### Records to use

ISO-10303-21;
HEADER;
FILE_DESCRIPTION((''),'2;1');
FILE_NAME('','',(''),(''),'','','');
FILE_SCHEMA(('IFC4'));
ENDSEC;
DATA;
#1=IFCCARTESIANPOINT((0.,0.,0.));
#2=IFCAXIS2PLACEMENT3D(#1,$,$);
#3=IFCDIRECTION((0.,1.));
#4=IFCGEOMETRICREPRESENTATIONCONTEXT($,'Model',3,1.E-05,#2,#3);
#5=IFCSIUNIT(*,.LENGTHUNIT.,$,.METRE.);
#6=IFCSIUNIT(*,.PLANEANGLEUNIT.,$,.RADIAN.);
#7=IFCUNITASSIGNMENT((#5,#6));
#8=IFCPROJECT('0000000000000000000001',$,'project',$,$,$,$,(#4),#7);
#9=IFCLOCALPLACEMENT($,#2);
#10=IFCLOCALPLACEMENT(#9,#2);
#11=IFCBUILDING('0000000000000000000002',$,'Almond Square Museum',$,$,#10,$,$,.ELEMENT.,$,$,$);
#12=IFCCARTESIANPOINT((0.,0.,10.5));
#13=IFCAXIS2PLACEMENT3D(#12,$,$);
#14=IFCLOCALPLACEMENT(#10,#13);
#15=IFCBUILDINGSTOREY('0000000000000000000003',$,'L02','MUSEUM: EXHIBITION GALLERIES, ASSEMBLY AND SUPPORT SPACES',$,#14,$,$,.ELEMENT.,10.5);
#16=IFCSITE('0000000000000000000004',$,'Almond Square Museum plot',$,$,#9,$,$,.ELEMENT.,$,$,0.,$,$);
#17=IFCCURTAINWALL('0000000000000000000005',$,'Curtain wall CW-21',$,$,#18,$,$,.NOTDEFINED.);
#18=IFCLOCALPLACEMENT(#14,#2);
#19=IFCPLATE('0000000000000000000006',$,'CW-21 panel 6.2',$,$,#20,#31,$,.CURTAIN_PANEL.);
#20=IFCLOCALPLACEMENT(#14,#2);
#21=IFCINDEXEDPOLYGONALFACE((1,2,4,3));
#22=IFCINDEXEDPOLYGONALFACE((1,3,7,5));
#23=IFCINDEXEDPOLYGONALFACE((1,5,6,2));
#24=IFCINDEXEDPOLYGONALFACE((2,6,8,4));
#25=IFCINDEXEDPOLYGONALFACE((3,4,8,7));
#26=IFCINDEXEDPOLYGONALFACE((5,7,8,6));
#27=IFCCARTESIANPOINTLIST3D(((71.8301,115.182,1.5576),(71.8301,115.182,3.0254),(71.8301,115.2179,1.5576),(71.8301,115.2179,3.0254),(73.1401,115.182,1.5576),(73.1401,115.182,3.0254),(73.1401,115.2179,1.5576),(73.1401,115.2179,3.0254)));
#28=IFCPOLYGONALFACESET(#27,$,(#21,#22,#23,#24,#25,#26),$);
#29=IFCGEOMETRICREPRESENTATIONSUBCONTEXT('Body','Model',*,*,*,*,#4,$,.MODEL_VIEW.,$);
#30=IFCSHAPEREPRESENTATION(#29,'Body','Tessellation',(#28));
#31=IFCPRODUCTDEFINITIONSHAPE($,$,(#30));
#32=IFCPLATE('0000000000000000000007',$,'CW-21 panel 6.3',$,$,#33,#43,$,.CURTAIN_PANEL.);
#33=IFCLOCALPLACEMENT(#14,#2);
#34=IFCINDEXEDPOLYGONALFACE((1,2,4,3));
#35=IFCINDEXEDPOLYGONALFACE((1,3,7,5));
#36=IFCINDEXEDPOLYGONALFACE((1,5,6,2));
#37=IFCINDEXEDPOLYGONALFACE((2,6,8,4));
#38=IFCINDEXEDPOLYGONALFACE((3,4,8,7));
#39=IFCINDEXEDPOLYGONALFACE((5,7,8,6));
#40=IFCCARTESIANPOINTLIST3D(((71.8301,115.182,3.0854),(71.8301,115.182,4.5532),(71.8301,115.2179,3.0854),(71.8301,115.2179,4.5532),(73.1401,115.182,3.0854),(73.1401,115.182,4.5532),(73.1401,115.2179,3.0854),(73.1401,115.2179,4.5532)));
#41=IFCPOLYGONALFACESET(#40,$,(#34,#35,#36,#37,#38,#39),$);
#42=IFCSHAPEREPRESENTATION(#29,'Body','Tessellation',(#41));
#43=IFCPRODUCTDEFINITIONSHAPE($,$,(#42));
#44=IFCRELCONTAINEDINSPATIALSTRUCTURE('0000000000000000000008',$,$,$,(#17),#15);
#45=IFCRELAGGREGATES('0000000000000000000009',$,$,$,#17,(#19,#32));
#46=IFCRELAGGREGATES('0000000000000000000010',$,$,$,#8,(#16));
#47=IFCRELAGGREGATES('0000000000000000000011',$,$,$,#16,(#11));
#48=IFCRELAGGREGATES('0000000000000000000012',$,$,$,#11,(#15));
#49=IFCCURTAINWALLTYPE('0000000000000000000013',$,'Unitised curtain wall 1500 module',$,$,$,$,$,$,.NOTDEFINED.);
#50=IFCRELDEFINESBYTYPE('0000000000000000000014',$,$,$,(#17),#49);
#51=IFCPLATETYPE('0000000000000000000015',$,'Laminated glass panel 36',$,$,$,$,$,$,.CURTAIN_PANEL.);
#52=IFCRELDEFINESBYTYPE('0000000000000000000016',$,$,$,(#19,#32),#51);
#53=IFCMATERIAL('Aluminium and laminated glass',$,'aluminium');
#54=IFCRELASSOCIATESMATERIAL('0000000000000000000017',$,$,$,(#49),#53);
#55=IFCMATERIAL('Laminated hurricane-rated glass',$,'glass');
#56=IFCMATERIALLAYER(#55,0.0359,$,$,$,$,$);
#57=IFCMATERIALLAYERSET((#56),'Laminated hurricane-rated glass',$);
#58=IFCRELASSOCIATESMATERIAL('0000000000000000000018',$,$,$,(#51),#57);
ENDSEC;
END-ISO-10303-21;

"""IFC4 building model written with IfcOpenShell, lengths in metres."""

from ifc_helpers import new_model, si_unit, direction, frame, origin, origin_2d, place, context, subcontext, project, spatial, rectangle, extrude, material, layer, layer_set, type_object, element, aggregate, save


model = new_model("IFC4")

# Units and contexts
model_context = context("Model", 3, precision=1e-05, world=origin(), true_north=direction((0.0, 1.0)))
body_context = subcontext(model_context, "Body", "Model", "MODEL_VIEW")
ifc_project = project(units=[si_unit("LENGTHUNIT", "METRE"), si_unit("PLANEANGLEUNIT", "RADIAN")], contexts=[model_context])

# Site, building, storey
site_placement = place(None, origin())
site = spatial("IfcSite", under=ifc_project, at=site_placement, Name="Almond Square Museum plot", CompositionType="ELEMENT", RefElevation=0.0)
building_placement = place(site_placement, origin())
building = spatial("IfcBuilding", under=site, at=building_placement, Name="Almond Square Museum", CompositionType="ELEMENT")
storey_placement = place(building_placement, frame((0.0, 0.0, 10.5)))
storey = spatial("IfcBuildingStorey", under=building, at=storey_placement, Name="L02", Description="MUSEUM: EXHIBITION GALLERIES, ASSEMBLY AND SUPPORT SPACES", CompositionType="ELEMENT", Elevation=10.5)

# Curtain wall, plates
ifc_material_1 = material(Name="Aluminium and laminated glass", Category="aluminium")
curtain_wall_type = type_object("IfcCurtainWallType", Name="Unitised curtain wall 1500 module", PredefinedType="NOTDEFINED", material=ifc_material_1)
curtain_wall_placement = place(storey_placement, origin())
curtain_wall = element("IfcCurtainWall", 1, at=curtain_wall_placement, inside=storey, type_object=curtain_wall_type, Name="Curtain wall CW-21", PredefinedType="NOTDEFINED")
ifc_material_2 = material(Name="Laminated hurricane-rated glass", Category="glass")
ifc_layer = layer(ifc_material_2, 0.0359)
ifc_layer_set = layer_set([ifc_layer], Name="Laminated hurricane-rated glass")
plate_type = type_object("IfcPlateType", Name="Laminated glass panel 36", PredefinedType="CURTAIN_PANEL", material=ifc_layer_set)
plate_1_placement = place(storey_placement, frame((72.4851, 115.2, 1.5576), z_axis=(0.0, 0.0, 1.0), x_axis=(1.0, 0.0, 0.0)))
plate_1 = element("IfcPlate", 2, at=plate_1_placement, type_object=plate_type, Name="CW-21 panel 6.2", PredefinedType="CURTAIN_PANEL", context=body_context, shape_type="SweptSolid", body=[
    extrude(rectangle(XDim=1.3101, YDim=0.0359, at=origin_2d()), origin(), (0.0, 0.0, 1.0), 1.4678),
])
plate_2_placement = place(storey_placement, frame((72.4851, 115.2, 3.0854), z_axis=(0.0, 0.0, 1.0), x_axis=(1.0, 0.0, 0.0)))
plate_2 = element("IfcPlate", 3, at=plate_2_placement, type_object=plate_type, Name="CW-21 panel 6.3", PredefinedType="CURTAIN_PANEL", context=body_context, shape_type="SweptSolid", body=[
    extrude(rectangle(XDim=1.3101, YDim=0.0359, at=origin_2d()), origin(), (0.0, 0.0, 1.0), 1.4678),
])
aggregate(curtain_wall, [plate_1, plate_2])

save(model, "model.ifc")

* * *

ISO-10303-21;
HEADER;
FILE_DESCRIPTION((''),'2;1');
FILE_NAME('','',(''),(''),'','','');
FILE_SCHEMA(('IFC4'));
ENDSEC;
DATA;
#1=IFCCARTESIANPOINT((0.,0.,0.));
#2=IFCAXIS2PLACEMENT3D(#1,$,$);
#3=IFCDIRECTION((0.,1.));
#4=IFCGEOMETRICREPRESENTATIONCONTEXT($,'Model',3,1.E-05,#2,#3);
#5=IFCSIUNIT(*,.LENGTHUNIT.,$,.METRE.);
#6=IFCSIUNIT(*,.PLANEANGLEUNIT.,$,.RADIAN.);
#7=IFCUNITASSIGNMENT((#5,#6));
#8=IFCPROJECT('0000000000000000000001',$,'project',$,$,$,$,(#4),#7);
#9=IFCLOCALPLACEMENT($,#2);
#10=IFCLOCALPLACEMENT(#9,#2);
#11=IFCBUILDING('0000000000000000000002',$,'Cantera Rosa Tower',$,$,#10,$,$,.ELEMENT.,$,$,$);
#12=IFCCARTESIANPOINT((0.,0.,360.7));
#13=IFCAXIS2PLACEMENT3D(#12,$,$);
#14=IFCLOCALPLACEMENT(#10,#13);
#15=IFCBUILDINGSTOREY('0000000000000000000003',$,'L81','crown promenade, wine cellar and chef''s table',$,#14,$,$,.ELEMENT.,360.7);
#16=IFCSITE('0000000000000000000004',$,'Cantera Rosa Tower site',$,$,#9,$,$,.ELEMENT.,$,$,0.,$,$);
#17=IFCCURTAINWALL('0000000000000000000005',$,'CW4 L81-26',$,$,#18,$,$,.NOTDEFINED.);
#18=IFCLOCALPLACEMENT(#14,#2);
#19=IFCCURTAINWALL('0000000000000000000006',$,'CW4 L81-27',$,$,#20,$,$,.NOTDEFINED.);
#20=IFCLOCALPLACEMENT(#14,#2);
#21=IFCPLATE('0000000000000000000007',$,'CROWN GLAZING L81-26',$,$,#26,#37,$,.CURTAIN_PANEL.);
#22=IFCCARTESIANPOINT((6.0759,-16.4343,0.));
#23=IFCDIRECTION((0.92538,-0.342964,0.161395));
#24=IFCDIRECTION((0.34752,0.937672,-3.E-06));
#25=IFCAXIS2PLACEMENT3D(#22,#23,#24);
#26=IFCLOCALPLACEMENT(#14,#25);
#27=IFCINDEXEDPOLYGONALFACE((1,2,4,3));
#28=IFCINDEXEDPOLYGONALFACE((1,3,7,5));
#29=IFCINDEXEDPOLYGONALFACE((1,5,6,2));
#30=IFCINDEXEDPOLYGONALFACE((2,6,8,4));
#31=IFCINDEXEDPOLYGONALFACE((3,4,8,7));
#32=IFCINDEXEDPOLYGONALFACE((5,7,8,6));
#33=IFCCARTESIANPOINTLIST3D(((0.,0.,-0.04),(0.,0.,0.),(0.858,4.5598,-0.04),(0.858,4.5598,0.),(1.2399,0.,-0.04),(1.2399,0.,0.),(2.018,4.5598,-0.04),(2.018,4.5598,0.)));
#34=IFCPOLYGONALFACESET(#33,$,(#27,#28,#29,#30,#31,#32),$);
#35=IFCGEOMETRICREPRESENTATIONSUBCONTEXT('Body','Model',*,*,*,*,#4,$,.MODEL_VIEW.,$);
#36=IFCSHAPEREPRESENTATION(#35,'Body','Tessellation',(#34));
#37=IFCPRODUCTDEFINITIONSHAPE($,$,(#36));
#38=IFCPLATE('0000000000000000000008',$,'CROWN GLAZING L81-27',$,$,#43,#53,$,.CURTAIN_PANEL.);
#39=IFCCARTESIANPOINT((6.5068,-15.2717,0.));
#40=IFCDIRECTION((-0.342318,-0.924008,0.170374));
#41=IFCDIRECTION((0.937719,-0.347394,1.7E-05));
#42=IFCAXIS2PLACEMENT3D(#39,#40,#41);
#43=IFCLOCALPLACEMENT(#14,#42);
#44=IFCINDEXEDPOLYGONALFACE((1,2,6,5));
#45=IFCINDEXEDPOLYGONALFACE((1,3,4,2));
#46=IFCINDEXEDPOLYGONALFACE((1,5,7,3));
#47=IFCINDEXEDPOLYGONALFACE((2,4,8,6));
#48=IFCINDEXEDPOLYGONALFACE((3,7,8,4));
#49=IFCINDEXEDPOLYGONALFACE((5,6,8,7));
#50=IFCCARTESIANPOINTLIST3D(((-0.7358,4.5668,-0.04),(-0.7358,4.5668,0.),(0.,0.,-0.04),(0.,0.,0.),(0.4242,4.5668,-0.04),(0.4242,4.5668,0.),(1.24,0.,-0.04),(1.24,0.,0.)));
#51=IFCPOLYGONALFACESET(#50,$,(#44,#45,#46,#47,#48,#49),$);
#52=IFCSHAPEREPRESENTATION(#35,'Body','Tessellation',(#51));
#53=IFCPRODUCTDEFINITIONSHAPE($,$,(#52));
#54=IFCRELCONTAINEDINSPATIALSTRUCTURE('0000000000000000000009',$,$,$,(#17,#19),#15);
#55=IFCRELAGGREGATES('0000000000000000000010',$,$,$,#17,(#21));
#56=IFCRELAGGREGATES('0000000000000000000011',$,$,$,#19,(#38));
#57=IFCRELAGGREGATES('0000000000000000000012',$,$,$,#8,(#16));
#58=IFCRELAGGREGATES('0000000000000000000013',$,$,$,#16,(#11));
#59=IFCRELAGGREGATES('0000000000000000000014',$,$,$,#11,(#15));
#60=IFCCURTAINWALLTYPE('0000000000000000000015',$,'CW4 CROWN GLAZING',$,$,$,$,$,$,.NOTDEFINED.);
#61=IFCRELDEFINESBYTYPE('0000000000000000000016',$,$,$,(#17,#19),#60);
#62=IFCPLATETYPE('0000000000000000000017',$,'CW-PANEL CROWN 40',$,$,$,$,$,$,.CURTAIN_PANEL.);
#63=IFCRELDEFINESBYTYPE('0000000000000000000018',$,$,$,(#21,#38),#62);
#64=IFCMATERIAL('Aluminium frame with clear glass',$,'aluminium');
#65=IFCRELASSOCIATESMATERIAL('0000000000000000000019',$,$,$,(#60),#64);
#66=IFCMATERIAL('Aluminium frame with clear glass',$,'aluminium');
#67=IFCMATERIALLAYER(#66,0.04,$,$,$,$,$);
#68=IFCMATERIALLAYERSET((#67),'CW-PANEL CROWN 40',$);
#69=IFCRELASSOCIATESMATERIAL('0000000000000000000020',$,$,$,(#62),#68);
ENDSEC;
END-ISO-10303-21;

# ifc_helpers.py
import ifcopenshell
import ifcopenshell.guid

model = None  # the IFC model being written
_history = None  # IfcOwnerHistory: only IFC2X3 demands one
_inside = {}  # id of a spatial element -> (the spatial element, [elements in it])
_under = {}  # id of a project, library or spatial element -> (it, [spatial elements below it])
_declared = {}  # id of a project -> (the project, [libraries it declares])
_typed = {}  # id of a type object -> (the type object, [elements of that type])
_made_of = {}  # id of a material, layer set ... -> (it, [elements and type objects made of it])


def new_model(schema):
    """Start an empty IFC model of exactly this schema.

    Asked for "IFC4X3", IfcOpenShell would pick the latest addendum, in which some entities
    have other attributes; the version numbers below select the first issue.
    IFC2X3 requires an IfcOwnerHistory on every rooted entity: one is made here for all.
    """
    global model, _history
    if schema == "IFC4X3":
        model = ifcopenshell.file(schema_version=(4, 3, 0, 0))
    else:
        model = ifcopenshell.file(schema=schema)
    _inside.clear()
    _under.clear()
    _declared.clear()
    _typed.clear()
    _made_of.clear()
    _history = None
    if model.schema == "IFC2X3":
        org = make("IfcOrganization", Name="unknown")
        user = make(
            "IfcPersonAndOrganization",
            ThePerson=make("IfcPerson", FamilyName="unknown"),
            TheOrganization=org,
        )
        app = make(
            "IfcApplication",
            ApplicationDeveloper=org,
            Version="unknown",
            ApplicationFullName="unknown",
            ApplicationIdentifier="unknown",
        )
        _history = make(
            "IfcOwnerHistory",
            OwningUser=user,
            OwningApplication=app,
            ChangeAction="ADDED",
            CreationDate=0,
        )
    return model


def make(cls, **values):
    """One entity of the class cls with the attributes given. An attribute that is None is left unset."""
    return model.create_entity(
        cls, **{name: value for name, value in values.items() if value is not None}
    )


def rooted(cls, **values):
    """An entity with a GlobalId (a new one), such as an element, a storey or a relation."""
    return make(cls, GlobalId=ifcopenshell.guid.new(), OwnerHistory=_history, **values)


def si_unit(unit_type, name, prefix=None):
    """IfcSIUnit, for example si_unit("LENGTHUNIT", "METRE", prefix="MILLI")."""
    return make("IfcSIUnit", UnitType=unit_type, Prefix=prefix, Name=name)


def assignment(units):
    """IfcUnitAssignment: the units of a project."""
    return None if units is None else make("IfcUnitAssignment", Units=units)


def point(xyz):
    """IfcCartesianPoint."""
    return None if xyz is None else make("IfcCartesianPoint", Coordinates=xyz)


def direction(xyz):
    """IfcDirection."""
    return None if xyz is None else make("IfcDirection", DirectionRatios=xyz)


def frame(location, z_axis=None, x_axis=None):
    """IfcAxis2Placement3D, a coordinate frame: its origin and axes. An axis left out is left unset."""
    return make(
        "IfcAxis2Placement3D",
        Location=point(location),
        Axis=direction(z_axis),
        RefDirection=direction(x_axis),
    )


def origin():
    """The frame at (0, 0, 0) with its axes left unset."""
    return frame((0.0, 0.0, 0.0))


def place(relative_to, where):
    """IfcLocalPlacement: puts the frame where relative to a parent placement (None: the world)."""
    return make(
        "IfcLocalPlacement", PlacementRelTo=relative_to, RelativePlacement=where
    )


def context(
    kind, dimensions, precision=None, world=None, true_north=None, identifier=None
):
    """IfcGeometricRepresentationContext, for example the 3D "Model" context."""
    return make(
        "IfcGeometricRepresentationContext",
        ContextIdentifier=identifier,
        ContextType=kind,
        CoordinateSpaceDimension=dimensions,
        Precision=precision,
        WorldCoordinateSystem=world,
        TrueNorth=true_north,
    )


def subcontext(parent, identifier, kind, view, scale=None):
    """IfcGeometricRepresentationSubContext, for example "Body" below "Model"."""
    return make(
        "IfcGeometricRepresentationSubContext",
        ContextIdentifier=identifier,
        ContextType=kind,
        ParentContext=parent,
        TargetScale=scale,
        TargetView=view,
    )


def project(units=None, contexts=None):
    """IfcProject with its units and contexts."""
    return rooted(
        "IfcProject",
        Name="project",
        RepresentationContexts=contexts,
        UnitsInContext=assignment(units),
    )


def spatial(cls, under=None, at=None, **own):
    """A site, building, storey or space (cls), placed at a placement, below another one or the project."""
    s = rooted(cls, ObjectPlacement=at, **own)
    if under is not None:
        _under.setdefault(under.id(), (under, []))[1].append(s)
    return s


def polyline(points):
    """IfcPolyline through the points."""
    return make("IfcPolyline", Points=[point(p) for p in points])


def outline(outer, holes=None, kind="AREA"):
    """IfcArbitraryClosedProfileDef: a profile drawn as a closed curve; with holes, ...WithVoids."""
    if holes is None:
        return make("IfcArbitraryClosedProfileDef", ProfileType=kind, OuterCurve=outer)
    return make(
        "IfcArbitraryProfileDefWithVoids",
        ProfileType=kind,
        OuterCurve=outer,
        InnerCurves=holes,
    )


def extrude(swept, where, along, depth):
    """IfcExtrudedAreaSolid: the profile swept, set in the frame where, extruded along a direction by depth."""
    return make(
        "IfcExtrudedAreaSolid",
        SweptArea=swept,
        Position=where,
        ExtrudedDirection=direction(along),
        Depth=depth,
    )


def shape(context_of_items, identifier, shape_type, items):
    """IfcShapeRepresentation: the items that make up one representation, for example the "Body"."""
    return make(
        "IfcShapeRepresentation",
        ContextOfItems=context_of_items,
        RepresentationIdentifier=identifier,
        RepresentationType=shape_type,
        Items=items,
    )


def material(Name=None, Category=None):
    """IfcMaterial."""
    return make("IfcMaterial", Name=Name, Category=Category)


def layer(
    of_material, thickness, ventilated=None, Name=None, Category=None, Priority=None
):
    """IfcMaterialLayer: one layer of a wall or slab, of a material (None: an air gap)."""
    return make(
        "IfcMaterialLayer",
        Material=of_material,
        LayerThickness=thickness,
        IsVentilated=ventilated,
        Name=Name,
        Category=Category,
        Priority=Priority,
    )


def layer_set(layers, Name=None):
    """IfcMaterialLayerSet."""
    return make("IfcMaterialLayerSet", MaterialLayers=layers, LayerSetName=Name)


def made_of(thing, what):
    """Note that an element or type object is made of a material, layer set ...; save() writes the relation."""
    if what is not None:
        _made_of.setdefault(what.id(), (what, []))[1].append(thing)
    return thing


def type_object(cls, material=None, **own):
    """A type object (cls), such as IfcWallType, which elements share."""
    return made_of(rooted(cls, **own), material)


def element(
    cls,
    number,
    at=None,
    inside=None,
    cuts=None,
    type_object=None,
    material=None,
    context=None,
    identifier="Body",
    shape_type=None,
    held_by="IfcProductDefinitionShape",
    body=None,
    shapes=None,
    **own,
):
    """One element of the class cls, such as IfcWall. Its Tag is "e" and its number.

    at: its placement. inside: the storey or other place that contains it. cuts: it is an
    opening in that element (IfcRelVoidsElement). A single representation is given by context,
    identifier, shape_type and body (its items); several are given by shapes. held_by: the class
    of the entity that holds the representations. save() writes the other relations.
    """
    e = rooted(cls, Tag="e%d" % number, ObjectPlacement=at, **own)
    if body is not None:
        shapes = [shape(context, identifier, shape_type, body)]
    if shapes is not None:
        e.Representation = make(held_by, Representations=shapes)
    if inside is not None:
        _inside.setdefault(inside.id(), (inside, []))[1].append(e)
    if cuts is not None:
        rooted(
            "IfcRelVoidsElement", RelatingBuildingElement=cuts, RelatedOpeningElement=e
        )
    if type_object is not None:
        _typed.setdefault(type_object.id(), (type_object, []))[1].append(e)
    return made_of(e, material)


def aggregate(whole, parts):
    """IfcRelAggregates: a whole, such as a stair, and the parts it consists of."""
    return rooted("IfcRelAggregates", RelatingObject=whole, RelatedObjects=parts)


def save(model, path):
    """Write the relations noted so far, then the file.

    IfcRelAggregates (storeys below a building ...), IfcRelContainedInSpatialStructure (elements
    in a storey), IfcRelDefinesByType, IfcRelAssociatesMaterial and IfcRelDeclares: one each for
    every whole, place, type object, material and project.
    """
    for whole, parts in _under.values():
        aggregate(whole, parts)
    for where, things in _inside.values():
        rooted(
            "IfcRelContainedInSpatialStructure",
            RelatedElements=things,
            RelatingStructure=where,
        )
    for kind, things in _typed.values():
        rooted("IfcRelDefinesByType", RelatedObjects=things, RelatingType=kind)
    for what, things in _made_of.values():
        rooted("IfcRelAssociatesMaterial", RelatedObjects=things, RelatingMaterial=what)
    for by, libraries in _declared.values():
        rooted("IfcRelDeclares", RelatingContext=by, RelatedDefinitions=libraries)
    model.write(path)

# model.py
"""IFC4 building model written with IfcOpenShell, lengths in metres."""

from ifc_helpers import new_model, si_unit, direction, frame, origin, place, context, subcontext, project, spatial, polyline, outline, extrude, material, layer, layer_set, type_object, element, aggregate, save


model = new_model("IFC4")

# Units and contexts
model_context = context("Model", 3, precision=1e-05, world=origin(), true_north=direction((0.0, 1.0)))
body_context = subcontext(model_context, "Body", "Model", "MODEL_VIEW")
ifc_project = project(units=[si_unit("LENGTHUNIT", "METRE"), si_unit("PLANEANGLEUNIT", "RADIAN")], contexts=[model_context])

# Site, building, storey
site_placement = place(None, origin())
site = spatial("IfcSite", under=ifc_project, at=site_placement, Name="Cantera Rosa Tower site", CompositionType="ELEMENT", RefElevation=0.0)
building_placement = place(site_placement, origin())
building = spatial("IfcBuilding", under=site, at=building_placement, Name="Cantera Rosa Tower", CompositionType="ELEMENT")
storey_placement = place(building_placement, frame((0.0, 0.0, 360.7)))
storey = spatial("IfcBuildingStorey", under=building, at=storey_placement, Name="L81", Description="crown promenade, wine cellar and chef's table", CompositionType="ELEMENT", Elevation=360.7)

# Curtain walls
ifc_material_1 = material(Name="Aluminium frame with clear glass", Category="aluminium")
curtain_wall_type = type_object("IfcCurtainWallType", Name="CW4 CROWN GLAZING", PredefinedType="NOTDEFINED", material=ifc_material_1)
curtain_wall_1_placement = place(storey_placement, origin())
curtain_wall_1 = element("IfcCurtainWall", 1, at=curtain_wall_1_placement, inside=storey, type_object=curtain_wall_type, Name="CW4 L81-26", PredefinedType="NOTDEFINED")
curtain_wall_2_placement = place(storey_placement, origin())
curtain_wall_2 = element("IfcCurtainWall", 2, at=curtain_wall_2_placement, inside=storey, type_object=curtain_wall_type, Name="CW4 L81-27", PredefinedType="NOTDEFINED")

### Work request
For the string "path", show each line of the entries above where it occurs.

### Written answer
def save(model, path):
    model.write(path)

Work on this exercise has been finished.